== Task instructions ==
How many lines in the entries below contain the word "mullion"? Answer with the number and nothing else.

Collected data entries
· · ·
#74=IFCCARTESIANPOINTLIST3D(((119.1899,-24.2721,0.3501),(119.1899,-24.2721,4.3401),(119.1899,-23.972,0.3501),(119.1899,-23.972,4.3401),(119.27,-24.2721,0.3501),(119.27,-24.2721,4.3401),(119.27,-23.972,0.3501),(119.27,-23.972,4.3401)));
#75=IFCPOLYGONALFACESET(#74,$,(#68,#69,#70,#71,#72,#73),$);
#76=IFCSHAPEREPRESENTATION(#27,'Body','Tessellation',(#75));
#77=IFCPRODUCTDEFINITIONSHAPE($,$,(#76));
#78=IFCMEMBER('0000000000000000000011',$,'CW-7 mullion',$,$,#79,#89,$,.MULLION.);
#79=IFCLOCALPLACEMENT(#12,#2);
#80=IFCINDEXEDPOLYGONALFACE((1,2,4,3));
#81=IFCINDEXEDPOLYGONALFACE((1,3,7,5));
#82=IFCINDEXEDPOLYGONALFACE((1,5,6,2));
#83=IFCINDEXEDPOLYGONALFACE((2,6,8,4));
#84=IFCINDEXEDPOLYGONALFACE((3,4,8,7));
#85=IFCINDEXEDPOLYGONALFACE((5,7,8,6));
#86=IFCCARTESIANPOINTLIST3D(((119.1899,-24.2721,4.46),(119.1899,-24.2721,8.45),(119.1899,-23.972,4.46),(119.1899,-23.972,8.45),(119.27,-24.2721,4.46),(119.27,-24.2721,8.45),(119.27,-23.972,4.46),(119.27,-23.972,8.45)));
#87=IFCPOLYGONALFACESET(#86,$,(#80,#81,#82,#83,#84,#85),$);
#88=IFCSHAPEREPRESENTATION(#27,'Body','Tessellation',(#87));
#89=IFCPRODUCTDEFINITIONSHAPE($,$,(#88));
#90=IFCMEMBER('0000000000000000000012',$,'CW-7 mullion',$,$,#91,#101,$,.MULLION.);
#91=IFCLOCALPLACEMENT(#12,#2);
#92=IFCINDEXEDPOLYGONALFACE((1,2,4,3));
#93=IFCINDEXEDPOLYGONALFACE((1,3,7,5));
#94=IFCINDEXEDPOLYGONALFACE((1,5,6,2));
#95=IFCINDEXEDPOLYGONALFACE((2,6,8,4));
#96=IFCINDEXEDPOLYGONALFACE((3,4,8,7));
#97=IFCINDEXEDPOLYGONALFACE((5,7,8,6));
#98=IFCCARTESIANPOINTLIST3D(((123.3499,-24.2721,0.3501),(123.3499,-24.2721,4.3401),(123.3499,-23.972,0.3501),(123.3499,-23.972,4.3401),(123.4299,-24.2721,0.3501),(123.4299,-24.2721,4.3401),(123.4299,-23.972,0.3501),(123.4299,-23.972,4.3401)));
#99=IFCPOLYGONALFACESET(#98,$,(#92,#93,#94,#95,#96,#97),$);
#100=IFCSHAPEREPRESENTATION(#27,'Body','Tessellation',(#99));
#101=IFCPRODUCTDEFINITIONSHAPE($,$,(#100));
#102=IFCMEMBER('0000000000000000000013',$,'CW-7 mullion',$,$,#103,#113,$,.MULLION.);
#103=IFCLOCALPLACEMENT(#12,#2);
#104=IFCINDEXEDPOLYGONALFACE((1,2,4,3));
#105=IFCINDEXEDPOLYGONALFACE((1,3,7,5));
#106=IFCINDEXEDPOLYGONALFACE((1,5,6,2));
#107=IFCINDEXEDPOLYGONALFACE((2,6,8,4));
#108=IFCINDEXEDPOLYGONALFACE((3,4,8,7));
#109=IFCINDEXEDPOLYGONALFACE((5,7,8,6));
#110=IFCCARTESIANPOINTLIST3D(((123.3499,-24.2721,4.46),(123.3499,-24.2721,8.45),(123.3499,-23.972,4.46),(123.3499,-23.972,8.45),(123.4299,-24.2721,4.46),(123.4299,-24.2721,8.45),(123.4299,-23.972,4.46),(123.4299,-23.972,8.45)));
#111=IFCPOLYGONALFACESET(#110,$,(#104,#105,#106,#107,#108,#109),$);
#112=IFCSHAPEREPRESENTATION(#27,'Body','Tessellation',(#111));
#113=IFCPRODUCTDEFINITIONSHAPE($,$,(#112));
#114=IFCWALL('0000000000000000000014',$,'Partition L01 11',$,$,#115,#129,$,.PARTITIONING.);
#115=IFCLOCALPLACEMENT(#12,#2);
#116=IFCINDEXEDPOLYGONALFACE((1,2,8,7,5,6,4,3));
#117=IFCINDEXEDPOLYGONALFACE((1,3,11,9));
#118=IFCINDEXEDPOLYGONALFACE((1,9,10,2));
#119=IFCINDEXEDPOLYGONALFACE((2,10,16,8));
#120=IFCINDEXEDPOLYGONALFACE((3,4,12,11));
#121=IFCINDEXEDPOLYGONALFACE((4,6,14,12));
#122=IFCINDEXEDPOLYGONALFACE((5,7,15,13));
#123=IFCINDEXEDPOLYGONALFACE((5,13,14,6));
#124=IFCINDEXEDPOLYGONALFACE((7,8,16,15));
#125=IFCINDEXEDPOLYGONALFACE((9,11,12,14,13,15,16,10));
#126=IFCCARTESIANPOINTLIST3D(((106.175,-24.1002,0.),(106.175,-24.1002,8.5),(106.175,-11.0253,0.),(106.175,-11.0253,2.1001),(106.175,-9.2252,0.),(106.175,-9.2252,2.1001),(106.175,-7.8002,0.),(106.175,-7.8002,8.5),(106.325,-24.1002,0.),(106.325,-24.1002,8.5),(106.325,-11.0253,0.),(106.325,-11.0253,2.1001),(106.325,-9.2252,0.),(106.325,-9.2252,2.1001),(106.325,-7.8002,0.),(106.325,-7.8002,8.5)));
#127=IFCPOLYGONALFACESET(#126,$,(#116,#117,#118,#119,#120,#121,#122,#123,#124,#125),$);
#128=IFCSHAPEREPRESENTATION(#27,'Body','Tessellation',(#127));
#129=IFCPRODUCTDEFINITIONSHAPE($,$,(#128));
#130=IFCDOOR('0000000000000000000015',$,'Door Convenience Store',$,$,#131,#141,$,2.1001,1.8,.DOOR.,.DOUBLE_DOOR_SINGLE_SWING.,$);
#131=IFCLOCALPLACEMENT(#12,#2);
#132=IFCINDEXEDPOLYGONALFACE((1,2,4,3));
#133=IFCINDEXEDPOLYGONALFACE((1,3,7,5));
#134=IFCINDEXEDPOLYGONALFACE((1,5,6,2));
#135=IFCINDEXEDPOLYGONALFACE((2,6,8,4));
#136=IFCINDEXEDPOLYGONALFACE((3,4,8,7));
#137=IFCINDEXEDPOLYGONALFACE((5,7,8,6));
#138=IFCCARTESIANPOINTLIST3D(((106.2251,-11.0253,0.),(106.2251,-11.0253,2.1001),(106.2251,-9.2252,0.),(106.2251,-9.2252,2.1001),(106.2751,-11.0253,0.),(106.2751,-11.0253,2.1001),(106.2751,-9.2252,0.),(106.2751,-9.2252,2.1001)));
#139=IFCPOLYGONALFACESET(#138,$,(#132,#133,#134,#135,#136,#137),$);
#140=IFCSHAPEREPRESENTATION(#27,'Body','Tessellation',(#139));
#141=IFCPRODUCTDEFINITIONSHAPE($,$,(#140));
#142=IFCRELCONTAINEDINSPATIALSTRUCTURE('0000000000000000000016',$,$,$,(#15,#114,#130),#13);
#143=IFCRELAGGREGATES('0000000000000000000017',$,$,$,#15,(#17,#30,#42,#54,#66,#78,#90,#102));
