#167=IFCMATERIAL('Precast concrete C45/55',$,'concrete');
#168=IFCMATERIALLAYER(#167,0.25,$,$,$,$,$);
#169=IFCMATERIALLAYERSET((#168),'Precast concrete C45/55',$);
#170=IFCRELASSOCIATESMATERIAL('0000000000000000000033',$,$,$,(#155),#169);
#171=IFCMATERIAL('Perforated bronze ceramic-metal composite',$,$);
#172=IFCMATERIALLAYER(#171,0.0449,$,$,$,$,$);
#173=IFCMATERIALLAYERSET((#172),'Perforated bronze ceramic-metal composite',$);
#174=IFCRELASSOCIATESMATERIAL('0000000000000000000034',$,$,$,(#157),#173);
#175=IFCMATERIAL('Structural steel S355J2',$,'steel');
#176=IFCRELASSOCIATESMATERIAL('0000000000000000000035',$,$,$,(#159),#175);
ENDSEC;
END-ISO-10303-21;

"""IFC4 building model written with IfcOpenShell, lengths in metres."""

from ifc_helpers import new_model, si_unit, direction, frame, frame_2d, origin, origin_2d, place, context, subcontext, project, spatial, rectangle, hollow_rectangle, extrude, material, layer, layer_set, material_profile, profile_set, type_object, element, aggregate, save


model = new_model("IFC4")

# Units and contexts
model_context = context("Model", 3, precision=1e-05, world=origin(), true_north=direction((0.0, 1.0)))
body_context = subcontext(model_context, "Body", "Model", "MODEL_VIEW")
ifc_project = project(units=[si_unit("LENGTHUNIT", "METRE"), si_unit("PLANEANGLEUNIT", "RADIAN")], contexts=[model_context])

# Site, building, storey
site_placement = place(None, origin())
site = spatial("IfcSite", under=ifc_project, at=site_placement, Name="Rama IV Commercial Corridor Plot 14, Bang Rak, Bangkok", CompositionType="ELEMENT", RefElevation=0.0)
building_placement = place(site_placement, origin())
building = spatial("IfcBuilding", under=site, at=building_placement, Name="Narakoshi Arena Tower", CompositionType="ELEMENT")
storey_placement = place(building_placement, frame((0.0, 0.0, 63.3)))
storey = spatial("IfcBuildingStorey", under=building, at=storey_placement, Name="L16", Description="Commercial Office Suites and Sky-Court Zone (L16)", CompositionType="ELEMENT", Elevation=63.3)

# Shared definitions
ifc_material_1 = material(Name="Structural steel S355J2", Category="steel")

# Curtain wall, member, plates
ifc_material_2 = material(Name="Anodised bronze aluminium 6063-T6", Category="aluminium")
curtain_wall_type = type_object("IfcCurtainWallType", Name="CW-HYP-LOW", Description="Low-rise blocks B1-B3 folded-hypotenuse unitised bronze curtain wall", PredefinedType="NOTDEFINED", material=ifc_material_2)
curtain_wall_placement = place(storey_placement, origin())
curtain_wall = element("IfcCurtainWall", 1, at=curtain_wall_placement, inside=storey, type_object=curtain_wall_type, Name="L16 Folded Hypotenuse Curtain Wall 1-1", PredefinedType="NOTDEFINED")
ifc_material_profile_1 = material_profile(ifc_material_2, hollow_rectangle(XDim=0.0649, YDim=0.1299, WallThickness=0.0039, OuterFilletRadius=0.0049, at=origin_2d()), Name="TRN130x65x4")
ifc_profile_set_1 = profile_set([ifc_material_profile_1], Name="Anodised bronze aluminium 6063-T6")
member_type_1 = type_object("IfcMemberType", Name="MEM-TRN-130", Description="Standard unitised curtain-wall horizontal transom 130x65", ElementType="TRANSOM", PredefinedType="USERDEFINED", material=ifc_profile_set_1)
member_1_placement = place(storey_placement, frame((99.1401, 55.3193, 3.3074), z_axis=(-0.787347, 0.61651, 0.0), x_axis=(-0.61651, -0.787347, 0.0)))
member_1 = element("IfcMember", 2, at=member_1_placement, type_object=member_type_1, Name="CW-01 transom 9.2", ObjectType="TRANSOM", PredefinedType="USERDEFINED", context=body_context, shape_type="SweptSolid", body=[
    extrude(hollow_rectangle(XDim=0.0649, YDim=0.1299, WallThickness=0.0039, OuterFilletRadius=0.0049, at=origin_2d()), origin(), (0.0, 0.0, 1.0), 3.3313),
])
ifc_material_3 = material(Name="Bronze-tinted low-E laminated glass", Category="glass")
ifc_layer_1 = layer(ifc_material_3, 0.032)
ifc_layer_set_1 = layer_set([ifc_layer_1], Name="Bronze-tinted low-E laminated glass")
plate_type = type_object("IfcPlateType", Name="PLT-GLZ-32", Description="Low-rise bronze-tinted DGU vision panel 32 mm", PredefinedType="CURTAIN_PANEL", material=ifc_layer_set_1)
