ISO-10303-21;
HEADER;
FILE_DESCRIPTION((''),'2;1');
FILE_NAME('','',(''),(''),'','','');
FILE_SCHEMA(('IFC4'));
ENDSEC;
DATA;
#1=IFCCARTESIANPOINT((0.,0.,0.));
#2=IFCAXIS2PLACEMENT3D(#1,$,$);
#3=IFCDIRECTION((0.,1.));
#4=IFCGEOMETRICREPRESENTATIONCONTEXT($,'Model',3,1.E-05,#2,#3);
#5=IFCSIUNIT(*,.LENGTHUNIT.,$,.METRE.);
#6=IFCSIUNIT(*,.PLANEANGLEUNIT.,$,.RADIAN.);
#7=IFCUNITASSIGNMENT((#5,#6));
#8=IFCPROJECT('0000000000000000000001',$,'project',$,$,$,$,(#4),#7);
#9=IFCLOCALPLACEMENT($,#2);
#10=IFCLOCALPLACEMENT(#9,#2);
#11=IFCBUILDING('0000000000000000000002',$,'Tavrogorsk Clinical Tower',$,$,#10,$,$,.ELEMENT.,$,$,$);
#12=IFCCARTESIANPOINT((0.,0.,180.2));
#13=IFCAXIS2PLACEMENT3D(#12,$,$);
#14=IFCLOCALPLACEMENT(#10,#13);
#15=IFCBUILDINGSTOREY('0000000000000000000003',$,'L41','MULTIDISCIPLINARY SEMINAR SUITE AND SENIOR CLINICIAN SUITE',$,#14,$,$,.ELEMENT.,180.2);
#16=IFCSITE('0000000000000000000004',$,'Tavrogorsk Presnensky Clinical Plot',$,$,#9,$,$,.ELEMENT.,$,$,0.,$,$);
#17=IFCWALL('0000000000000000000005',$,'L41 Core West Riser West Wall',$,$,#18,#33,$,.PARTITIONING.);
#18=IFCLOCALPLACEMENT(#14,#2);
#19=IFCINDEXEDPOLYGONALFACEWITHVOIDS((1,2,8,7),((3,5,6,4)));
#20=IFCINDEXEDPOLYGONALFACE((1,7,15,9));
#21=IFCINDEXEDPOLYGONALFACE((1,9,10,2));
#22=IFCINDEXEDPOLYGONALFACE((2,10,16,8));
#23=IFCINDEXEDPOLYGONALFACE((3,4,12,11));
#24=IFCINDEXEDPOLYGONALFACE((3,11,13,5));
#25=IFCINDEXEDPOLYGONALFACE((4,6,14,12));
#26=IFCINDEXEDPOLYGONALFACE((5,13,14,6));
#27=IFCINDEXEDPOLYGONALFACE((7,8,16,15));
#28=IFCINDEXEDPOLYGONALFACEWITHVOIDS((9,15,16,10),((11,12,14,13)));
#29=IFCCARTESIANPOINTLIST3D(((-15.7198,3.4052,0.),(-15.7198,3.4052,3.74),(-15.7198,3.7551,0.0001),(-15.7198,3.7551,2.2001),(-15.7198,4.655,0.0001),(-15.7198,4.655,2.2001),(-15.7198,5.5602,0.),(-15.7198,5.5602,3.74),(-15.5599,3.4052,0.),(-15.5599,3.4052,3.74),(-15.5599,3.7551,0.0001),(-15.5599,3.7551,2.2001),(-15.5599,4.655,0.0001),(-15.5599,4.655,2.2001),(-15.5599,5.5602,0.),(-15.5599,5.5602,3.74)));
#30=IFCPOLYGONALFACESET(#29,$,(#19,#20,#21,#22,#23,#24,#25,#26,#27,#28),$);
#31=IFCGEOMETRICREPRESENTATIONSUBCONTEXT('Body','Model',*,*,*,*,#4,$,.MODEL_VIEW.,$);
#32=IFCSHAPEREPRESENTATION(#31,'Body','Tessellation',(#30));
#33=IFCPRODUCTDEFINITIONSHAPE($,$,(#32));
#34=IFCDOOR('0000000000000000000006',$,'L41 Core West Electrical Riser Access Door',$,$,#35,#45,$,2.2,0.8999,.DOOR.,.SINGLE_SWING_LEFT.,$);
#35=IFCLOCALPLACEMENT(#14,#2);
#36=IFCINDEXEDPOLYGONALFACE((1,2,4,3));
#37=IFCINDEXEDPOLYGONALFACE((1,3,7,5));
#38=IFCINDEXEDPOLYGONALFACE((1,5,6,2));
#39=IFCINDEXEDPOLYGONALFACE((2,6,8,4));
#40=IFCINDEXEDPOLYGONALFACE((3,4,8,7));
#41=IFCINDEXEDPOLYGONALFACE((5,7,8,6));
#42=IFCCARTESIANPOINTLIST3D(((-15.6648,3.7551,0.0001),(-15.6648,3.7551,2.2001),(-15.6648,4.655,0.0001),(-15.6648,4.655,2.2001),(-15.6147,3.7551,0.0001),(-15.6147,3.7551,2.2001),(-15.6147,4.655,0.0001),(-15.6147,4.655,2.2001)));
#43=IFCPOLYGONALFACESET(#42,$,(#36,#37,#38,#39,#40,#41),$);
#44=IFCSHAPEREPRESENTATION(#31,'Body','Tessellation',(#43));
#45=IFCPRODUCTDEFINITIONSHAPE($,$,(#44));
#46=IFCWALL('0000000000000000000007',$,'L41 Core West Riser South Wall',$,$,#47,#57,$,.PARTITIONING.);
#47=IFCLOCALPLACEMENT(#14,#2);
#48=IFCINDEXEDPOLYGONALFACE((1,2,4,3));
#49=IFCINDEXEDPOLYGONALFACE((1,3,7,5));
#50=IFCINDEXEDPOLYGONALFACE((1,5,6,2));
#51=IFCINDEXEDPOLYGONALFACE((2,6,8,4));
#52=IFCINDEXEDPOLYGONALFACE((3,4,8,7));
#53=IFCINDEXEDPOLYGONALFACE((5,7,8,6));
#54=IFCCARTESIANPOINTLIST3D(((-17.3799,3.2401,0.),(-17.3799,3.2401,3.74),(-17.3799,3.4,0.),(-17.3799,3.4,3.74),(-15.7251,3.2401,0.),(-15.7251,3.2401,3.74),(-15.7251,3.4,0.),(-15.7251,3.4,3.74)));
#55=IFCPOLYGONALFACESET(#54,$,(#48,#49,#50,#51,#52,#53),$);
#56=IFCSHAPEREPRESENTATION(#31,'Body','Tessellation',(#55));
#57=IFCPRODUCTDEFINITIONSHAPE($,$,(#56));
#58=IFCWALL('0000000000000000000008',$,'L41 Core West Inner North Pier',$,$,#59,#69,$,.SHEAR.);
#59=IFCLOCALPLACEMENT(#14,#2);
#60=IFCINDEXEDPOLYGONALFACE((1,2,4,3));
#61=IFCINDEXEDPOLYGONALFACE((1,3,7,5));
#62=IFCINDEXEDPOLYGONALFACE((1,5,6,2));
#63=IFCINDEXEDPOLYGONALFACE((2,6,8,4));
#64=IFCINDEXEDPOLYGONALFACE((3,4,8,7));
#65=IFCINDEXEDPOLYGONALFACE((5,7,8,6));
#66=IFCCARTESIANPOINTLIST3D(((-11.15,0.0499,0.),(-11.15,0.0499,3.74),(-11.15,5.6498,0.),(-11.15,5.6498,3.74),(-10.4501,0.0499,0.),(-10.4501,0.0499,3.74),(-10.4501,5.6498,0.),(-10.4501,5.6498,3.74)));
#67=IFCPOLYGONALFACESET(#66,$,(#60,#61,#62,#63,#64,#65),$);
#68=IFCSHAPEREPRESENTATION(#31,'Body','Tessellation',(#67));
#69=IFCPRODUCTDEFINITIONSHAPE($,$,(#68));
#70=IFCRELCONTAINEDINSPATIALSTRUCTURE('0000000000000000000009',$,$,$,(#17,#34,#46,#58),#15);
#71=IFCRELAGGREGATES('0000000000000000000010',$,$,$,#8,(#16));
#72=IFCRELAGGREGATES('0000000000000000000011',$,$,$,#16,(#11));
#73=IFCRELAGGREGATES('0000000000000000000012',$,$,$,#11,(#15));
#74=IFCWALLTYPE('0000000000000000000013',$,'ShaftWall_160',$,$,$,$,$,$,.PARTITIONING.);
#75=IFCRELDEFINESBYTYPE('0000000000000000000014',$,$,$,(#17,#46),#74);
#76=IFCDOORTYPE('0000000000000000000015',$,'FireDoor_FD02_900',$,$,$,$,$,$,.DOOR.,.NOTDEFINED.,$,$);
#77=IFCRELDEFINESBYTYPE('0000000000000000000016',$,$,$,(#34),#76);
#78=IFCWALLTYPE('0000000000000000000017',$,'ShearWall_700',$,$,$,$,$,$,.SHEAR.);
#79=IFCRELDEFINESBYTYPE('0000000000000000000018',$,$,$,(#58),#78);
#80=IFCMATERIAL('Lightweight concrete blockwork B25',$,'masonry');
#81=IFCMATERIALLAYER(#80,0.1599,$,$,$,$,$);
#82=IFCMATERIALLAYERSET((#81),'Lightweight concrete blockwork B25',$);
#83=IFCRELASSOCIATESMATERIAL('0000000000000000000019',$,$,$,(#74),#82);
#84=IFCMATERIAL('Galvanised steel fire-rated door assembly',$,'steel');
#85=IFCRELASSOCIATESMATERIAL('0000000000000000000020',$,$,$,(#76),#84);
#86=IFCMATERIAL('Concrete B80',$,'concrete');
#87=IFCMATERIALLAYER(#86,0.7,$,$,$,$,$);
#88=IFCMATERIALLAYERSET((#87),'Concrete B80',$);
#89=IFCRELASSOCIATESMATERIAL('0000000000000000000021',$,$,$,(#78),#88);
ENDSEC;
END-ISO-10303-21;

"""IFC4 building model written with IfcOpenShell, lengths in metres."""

from ifc_helpers import new_model, si_unit, direction, frame, frame_2d, origin, place, context, subcontext, project, spatial, rectangle, extrude, material, layer, layer_set, type_object, element, fill, save


model = new_model("IFC4")

# Units and contexts
model_context = context("Model", 3, precision=1e-05, world=origin(), true_north=direction((0.0, 1.0)))
body_context = subcontext(model_context, "Body", "Model", "MODEL_VIEW")
ifc_project = project(units=[si_unit("LENGTHUNIT", "METRE"), si_unit("PLANEANGLEUNIT", "RADIAN")], contexts=[model_context])

# Site, building, storey
site_placement = place(None, origin())
site = spatial("IfcSite", under=ifc_project, at=site_placement, Name="Tavrogorsk Presnensky Clinical Plot", CompositionType="ELEMENT", RefElevation=0.0)
building_placement = place(site_placement, origin())
building = spatial("IfcBuilding", under=site, at=building_placement, Name="Tavrogorsk Clinical Tower", CompositionType="ELEMENT")
storey_placement = place(building_placement, frame((0.0, 0.0, 180.2)))
storey = spatial("IfcBuildingStorey", under=building, at=storey_placement, Name="L41", Description="MULTIDISCIPLINARY SEMINAR SUITE AND SENIOR CLINICIAN SUITE", CompositionType="ELEMENT", Elevation=180.2)

# Shared definitions
ifc_material_1 = material(Name="Lightweight concrete blockwork B25", Category="masonry")
ifc_layer_1 = layer(ifc_material_1, 0.1599)
ifc_layer_set_1 = layer_set([ifc_layer_1], Name="Lightweight concrete blockwork B25")
wall_type_1 = type_object("IfcWallType", Name="ShaftWall_160", PredefinedType="PARTITIONING", material=ifc_layer_set_1)

# Wall, opening, door
wall_1_placement = place(storey_placement, frame((-15.6399, 3.405, 0.0), z_axis=(0.0, 0.0, 1.0), x_axis=(0.0, 1.0, 0.0)))
wall_1 = element("IfcWall", 1, at=wall_1_placement, inside=storey, type_object=wall_type_1, Name="L41 Core West Riser West Wall", PredefinedType="PARTITIONING", context=body_context, shape_type="SweptSolid", body=[
    extrude(rectangle(XDim=2.155, YDim=0.1599, at=frame_2d((1.0776, 0.0))), origin(), (0.0, 0.0, 1.0), 3.74),
])
opening_1_placement = place(wall_1_placement, frame((0.3501, 0.0, 0.0)))
opening_1 = element("IfcOpeningElement", 2, at=opening_1_placement, cuts=wall_1, PredefinedType="OPENING", context=body_context, shape_type="SweptSolid", body=[
    extrude(rectangle(XDim=0.8999, YDim=2.2, at=frame_2d((0.45, 1.1001))), frame((0.0, 0.0898, 0.0), z_axis=(0.0, -1.0, 0.0), x_axis=(1.0, 0.0, 0.0)), (0.0, 0.0, 1.0), 0.1799),
])
ifc_material_2 = material(Name="Galvanised steel fire-rated door assembly", Category="steel")
door_type_1 = type_object("IfcDoorType", Name="FireDoor_FD02_900", OperationType="NOTDEFINED", PredefinedType="DOOR", material=ifc_material_2)
door_1_placement = place(opening_1_placement, origin())
door_1 = element("IfcDoor", 3, at=door_1_placement, inside=storey, type_object=door_type_1, Name="L41 Core West Electrical Riser Access Door", OperationType="SINGLE_SWING_LEFT", OverallHeight=2.2, OverallWidth=0.8999, PredefinedType="DOOR", context=body_context, shape_type="SweptSolid", body=[
    extrude(rectangle(XDim=0.8999, YDim=2.2, at=frame_2d((0.45, 1.1001))), frame((0.0, 0.0249, 0.0), z_axis=(0.0, -1.0, 0.0), x_axis=(1.0, 0.0, 0.0)), (0.0, 0.0, 1.0), 0.05),
])
fill(opening_1, door_1)

# Walls
wall_2_placement = place(storey_placement, frame((-17.3799, 3.3201, 0.0), z_axis=(0.0, 0.0, 1.0), x_axis=(1.0, 0.0, 0.0)))
element("IfcWall", 4, at=wall_2_placement, inside=storey, type_object=wall_type_1, Name="L41 Core West Riser South Wall", PredefinedType="PARTITIONING", context=body_context, shape_type="SweptSolid", body=[
    extrude(rectangle(XDim=1.6548, YDim=0.1599, at=frame_2d((0.8274, 0.0))), origin(), (0.0, 0.0, 1.0), 3.74),
])
ifc_material_3 = material(Name="Concrete B80", Category="concrete")
ifc_layer_2 = layer(ifc_material_3, 0.7)
ifc_layer_set_2 = layer_set([ifc_layer_2], Name="Concrete B80")
wall_type_2 = type_object("IfcWallType", Name="ShearWall_700", PredefinedType="SHEAR", material=ifc_layer_set_2)
wall_3_placement = place(storey_placement, frame((-10.8, 0.05, 0.0), z_axis=(0.0, 0.0, 1.0), x_axis=(0.0, 1.0, 0.0)))
element("IfcWall", 5, at=wall_3_placement, inside=storey, type_object=wall_type_2, Name="L41 Core West Inner North Pier", PredefinedType="SHEAR", context=body_context, shape_type="SweptSolid", body=[
    extrude(rectangle(XDim=5.5999, YDim=0.7, at=frame_2d((2.7998, 0.0))), origin(), (0.0, 0.0, 1.0), 3.74),
])

save(model, "model.ifc")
· · ·
== Problem solution ==
3